(Saved data entries)

══════════════════════════════

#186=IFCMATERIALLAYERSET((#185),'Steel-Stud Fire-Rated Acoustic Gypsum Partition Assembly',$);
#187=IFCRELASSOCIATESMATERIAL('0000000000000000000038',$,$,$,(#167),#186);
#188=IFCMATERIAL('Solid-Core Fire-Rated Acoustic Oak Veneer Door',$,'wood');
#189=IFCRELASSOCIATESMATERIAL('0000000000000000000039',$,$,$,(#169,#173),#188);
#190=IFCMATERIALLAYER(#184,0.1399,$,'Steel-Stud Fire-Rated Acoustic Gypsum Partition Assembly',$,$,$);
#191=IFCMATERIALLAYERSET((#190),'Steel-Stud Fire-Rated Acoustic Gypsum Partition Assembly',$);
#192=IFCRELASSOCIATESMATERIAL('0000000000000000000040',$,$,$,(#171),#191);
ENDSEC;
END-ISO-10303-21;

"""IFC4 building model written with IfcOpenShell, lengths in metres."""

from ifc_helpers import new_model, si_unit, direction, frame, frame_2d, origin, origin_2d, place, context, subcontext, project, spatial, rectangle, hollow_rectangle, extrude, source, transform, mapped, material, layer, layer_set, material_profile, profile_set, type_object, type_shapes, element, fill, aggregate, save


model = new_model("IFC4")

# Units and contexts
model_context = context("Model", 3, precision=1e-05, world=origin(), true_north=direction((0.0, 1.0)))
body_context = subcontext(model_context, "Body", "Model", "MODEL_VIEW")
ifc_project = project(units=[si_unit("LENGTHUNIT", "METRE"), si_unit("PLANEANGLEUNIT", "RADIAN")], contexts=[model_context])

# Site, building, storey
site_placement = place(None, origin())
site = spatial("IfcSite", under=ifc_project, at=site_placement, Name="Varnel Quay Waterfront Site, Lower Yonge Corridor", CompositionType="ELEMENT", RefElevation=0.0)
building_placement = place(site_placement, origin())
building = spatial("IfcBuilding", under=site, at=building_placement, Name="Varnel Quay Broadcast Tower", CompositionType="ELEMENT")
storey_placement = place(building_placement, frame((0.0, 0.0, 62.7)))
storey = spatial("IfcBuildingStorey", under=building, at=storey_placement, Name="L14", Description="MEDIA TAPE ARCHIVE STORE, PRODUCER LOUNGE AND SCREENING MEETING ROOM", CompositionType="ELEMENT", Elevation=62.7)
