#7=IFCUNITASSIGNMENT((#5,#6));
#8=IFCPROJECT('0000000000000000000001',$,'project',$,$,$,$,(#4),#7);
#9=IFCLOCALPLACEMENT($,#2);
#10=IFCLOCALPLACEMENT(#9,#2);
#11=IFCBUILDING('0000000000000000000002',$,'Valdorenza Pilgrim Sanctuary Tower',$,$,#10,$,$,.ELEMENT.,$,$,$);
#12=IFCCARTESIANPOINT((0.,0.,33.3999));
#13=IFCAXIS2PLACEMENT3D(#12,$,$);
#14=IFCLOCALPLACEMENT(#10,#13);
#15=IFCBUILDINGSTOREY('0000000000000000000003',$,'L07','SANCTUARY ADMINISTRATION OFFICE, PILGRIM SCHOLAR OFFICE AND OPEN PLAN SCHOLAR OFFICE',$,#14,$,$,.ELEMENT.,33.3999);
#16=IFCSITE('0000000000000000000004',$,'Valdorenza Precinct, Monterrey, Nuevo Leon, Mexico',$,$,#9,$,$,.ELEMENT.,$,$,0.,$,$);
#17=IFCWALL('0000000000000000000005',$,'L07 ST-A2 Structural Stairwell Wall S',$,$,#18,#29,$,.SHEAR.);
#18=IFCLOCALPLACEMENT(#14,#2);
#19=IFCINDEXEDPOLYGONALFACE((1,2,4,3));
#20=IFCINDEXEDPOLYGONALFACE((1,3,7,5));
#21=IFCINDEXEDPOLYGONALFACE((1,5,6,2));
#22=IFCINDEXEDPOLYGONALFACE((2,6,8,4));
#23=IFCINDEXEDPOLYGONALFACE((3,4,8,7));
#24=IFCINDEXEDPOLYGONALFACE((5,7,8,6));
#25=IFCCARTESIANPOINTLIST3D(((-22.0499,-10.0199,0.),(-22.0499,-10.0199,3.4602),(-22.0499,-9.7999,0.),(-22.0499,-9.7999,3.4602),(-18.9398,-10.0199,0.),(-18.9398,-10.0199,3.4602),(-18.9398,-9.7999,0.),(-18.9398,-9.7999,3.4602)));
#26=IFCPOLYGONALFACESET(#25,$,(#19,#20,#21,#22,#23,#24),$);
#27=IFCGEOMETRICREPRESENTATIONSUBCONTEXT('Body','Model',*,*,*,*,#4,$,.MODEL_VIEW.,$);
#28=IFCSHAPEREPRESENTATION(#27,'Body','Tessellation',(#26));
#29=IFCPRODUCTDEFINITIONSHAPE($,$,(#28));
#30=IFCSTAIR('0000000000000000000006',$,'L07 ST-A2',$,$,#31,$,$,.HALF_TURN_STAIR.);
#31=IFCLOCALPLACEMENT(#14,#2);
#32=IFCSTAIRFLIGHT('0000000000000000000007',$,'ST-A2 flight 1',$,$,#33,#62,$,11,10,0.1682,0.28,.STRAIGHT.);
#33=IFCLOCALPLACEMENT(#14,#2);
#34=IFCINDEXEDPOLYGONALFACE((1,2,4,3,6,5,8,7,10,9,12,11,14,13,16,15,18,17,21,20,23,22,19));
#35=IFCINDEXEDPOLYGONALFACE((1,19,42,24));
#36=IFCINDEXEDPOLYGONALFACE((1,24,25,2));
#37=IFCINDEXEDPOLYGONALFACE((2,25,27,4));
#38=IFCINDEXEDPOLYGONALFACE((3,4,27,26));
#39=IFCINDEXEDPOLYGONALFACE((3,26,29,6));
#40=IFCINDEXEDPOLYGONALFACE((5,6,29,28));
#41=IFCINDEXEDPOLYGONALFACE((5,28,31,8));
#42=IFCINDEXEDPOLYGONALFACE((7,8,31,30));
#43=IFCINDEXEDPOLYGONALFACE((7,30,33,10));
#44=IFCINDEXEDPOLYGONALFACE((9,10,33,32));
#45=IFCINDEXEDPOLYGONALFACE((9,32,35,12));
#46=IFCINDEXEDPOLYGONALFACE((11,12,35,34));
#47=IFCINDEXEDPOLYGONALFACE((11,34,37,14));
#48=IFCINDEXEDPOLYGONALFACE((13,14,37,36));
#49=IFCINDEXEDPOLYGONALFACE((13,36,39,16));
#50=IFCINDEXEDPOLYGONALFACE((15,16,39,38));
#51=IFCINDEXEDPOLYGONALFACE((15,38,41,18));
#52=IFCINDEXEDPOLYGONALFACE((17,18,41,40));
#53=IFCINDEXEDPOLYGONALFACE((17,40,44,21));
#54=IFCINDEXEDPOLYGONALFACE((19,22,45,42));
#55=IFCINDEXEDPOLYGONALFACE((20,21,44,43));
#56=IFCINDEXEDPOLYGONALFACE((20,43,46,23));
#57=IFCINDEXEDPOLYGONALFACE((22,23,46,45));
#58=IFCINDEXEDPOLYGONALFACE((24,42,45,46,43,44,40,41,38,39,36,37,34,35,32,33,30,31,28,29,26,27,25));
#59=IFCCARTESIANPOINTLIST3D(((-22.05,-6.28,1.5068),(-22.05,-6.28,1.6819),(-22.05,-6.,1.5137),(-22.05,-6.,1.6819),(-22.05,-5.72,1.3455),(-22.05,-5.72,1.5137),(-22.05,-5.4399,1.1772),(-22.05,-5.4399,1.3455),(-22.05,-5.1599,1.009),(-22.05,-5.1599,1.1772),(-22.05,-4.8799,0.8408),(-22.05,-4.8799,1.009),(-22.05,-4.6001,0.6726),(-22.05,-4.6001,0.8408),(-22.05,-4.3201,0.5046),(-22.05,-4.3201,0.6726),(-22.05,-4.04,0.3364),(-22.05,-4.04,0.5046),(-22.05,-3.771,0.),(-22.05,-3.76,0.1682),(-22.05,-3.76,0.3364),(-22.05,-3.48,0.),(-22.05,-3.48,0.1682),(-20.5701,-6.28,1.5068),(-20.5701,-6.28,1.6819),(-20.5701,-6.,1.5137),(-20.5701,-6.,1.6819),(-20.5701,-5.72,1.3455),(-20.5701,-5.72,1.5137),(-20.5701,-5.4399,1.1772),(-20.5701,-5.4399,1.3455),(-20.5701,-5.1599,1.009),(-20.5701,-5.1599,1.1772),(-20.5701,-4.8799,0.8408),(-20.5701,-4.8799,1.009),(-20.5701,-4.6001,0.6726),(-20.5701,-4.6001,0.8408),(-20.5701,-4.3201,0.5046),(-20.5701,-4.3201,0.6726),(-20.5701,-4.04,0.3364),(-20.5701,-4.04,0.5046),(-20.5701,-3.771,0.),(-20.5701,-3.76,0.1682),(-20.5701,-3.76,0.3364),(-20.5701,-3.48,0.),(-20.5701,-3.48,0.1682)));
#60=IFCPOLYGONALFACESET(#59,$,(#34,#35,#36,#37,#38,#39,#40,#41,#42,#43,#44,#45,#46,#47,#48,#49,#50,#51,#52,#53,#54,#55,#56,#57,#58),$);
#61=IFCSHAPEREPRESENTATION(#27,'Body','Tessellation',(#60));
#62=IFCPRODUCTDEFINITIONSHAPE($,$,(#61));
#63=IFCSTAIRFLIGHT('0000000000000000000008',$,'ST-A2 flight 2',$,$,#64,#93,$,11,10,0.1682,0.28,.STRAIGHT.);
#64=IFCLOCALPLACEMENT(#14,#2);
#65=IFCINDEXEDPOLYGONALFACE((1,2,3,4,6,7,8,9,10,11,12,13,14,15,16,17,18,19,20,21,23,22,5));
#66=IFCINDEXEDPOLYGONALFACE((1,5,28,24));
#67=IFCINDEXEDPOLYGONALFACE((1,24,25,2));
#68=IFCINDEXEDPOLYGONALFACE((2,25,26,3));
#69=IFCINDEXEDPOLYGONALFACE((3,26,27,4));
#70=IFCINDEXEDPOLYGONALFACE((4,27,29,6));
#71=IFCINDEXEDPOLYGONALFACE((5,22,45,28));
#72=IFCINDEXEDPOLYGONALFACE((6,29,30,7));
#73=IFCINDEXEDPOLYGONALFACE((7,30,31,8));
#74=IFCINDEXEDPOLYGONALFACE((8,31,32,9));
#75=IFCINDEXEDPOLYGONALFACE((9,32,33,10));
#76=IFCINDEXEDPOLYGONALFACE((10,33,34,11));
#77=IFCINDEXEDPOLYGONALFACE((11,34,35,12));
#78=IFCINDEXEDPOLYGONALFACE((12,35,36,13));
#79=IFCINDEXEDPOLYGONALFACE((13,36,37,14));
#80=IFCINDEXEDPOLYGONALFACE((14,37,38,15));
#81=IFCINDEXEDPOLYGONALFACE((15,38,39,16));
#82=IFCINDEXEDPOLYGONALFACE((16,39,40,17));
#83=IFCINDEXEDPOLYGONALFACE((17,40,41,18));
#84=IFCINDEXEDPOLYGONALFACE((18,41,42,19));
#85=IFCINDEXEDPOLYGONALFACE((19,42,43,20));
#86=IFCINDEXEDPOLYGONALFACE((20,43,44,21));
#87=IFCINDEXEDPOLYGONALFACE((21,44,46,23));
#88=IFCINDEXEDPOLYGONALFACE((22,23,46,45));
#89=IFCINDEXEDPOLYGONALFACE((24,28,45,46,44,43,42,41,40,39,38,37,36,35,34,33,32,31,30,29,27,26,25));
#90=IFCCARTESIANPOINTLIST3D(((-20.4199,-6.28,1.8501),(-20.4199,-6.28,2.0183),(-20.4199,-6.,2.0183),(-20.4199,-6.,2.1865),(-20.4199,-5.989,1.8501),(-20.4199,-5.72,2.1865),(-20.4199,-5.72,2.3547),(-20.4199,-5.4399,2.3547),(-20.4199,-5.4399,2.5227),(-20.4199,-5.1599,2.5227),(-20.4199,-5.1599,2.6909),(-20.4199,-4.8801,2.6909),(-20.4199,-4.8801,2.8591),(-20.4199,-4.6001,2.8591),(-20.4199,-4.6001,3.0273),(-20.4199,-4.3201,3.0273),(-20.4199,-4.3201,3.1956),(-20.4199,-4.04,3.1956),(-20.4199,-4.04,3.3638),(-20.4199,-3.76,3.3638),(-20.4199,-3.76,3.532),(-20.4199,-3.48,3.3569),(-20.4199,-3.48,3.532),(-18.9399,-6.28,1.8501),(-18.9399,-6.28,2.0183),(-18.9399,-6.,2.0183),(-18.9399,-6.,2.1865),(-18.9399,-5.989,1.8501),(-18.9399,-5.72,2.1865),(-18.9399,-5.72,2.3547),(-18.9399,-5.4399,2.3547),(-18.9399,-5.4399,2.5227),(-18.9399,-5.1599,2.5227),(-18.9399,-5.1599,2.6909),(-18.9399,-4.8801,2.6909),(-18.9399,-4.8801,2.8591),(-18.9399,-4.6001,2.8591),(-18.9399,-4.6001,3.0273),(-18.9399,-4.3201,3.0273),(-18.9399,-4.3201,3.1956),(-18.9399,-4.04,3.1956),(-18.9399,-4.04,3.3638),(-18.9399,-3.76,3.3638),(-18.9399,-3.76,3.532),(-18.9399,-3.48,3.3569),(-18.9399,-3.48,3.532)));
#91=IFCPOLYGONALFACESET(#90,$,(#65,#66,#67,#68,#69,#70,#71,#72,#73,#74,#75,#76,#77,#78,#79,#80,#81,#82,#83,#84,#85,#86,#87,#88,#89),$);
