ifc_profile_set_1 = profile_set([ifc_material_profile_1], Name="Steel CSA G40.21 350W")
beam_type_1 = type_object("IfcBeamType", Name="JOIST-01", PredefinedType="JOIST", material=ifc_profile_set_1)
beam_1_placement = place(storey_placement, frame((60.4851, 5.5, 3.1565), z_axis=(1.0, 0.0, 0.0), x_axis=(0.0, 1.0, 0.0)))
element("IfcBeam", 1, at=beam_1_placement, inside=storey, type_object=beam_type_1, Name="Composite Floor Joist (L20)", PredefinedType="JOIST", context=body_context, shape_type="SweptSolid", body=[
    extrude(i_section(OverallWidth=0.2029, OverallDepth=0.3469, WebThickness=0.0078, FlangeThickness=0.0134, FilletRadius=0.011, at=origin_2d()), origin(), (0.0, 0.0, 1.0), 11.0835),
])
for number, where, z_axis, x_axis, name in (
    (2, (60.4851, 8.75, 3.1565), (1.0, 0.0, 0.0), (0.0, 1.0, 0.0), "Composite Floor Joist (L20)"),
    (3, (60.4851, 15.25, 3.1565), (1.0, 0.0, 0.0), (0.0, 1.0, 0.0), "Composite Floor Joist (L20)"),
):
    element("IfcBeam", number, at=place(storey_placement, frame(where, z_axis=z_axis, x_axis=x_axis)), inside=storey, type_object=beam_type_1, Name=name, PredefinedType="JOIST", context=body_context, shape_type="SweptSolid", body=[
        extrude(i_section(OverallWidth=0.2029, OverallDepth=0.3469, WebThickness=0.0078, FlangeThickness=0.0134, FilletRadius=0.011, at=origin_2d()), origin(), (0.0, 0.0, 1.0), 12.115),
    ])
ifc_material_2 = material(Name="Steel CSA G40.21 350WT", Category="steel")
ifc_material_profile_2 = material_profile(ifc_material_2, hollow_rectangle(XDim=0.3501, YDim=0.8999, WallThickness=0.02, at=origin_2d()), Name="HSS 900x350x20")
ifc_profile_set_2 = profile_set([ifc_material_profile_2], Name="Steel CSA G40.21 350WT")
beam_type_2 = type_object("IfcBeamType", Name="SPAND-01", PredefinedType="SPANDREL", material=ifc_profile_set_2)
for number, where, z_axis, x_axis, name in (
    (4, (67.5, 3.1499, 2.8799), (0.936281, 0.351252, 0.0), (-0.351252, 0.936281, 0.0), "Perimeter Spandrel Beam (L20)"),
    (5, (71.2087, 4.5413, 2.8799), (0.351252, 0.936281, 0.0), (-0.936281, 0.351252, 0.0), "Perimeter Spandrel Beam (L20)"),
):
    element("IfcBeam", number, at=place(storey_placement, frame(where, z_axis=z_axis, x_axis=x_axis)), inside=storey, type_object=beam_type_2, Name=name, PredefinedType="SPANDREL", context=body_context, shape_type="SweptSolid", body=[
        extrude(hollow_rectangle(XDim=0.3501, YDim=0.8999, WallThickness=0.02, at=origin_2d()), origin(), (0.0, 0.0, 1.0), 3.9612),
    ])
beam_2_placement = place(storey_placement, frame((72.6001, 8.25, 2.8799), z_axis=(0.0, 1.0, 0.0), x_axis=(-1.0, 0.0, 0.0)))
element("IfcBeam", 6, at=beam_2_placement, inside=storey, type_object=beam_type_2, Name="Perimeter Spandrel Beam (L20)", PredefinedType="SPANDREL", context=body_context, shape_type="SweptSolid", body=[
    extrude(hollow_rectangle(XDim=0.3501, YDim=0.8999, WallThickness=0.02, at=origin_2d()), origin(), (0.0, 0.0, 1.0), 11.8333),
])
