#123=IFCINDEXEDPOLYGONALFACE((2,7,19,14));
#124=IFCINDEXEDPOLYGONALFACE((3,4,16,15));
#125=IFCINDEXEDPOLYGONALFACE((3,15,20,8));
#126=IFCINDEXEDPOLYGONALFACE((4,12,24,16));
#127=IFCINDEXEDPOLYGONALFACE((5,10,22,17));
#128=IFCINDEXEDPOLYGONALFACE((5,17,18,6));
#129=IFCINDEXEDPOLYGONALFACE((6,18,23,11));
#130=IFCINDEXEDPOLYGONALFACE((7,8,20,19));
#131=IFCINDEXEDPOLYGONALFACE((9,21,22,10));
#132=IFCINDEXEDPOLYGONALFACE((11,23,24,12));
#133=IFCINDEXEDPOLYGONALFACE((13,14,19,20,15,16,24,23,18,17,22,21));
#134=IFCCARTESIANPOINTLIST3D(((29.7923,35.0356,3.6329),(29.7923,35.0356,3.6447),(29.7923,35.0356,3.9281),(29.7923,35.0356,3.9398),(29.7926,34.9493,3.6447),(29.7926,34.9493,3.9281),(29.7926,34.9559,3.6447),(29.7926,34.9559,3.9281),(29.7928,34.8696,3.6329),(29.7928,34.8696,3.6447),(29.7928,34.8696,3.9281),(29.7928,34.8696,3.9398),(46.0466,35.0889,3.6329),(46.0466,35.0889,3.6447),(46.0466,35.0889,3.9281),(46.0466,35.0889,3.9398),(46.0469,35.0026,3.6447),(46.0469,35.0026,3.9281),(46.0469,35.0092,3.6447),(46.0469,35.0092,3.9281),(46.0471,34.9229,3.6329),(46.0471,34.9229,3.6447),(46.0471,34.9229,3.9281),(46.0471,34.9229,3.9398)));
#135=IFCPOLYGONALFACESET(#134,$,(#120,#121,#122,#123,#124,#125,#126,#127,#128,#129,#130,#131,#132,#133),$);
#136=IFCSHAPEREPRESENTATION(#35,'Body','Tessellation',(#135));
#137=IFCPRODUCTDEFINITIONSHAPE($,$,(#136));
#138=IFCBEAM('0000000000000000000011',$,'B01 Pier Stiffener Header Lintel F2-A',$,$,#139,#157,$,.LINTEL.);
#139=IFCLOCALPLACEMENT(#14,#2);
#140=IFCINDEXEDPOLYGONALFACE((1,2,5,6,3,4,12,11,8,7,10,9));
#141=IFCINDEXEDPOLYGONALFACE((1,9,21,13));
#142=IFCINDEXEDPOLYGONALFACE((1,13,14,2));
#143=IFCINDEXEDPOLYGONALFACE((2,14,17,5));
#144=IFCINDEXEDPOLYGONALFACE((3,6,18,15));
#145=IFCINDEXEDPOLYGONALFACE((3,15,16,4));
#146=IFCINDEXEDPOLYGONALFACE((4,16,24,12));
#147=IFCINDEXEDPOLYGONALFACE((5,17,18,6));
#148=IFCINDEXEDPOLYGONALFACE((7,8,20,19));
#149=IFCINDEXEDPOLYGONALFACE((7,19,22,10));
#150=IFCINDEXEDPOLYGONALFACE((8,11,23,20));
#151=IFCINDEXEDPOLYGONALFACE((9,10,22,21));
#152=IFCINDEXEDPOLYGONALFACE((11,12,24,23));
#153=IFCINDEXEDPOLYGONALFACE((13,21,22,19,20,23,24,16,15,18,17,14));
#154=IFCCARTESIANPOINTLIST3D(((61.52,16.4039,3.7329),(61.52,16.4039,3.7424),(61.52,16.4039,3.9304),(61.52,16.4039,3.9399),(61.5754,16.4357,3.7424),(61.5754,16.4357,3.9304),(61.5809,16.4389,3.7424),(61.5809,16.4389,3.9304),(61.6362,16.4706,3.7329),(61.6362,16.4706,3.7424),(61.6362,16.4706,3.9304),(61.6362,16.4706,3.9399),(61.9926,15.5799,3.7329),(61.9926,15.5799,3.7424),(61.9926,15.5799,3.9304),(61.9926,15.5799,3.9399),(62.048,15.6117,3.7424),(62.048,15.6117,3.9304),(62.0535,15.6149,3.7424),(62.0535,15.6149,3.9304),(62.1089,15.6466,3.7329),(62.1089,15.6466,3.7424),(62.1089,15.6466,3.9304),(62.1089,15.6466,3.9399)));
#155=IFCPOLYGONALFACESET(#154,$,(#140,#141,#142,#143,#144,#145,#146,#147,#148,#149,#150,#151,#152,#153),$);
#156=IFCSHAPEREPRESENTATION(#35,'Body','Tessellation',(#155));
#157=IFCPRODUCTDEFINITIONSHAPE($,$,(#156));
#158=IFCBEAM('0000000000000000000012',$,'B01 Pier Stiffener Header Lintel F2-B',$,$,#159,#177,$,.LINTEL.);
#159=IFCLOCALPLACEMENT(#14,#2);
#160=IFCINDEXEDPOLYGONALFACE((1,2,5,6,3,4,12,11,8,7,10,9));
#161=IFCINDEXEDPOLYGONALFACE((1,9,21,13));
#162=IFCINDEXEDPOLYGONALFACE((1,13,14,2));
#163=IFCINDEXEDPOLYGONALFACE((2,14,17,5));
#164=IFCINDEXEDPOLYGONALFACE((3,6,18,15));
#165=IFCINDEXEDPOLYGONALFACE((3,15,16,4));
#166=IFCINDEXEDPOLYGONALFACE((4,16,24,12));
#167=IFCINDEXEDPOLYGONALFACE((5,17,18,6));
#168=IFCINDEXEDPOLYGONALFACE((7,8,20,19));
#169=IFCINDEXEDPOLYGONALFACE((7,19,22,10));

══════════════════════════════

**What is needed**
From the records above, return each line that includes "number".

**Worked solution**
for number, where, z_axis, x_axis, name in (
    element("IfcBeam", number, at=place(storey_placement, frame(where, z_axis=z_axis, x_axis=x_axis)), inside=storey, type_object=beam_type_1, Name=name, PredefinedType="JOIST", context=body_context, shape_type="SweptSolid", body=[
for number, where, z_axis, x_axis, name in (
    element("IfcBeam", number, at=place(storey_placement, frame(where, z_axis=z_axis, x_axis=x_axis)), inside=storey, type_object=beam_type_2, Name=name, PredefinedType="SPANDREL", context=body_context, shape_type="SweptSolid", body=[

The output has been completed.